* [Records for processing]
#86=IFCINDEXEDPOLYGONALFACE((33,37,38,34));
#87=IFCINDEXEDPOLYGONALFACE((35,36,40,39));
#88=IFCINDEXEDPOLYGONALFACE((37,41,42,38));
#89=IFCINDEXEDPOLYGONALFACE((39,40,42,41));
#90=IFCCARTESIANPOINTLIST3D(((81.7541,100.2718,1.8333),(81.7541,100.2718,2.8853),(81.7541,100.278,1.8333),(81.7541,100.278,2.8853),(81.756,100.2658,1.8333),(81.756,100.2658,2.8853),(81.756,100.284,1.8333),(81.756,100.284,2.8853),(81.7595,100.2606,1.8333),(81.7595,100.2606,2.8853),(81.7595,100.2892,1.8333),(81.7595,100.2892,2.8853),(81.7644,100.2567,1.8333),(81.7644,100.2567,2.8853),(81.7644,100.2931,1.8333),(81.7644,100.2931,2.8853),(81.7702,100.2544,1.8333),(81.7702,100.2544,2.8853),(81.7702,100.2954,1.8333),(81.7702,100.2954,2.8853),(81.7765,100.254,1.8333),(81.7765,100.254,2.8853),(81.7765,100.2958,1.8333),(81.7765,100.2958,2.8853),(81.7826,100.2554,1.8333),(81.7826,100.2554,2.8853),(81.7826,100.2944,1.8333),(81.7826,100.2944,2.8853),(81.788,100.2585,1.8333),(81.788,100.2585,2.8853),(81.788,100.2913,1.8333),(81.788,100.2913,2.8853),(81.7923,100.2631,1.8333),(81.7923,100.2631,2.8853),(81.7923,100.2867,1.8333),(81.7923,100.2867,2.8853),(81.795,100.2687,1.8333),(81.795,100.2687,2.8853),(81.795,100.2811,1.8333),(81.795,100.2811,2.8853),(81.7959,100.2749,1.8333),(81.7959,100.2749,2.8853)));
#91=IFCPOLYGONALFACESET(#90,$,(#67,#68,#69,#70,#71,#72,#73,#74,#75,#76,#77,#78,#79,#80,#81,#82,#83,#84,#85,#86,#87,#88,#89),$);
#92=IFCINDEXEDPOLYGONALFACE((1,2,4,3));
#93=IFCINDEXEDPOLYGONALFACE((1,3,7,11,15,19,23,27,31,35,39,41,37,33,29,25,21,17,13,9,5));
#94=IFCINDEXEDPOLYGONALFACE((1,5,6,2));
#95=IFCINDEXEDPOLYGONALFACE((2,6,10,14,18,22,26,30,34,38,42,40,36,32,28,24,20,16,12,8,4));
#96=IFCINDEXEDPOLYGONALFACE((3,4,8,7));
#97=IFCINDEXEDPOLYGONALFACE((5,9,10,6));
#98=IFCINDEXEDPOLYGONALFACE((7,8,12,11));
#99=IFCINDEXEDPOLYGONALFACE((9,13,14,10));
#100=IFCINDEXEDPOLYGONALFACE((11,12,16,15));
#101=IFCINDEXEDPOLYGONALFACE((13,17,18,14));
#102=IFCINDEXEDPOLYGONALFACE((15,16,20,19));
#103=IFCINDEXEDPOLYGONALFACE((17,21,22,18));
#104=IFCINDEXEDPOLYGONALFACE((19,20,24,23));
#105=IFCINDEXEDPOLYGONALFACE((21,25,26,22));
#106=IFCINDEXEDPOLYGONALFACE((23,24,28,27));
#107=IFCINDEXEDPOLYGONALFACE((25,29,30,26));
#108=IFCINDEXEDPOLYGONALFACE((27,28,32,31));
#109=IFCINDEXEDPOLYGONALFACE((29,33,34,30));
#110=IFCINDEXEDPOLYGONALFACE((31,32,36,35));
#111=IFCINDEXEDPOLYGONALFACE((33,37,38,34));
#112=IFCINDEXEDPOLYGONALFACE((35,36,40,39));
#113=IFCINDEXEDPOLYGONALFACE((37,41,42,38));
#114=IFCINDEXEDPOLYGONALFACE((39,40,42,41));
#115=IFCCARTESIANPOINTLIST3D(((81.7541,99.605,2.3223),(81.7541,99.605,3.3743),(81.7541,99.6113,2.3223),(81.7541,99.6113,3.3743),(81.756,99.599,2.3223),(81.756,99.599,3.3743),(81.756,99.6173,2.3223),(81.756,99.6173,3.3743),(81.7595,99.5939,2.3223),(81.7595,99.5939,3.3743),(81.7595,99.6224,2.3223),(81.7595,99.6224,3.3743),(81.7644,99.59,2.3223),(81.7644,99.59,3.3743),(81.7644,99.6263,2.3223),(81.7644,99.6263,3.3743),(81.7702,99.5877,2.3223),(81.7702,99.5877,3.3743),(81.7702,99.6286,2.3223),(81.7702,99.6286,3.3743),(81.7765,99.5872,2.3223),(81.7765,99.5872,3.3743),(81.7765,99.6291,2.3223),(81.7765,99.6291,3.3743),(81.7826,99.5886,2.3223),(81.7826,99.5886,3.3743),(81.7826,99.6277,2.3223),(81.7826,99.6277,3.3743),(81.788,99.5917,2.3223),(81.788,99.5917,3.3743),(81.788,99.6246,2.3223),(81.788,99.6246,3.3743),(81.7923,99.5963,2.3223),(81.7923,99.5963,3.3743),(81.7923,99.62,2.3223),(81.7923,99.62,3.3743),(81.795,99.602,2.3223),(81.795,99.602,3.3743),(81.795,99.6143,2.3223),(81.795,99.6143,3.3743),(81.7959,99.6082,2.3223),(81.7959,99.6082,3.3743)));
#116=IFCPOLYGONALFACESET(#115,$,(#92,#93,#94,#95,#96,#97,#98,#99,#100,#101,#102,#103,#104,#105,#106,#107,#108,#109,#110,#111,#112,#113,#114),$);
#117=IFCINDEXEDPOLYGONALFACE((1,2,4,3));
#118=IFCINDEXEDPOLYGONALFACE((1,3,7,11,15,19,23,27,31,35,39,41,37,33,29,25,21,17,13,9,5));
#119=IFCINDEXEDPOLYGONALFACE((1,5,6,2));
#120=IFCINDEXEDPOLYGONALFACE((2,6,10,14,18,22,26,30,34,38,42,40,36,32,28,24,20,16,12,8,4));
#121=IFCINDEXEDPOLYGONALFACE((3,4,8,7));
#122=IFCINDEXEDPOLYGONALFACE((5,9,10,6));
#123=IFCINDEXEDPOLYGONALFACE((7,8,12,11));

* [What the task asks]
In the listing above, locate the line containing "#101=IFCINDEXEDPOLYGONALFACE((13,17,18,14));" and the line containing "#110=IFCINDEXEDPOLYGONALFACE((31,32,36,35));". Transcribe those two lines and everything between them, exactly as written.

* [Output]
#101=IFCINDEXEDPOLYGONALFACE((13,17,18,14));
#102=IFCINDEXEDPOLYGONALFACE((15,16,20,19));
#103=IFCINDEXEDPOLYGONALFACE((17,21,22,18));
#104=IFCINDEXEDPOLYGONALFACE((19,20,24,23));
#105=IFCINDEXEDPOLYGONALFACE((21,25,26,22));
#106=IFCINDEXEDPOLYGONALFACE((23,24,28,27));
#107=IFCINDEXEDPOLYGONALFACE((25,29,30,26));
#108=IFCINDEXEDPOLYGONALFACE((27,28,32,31));
#109=IFCINDEXEDPOLYGONALFACE((29,33,34,30));
#110=IFCINDEXEDPOLYGONALFACE((31,32,36,35));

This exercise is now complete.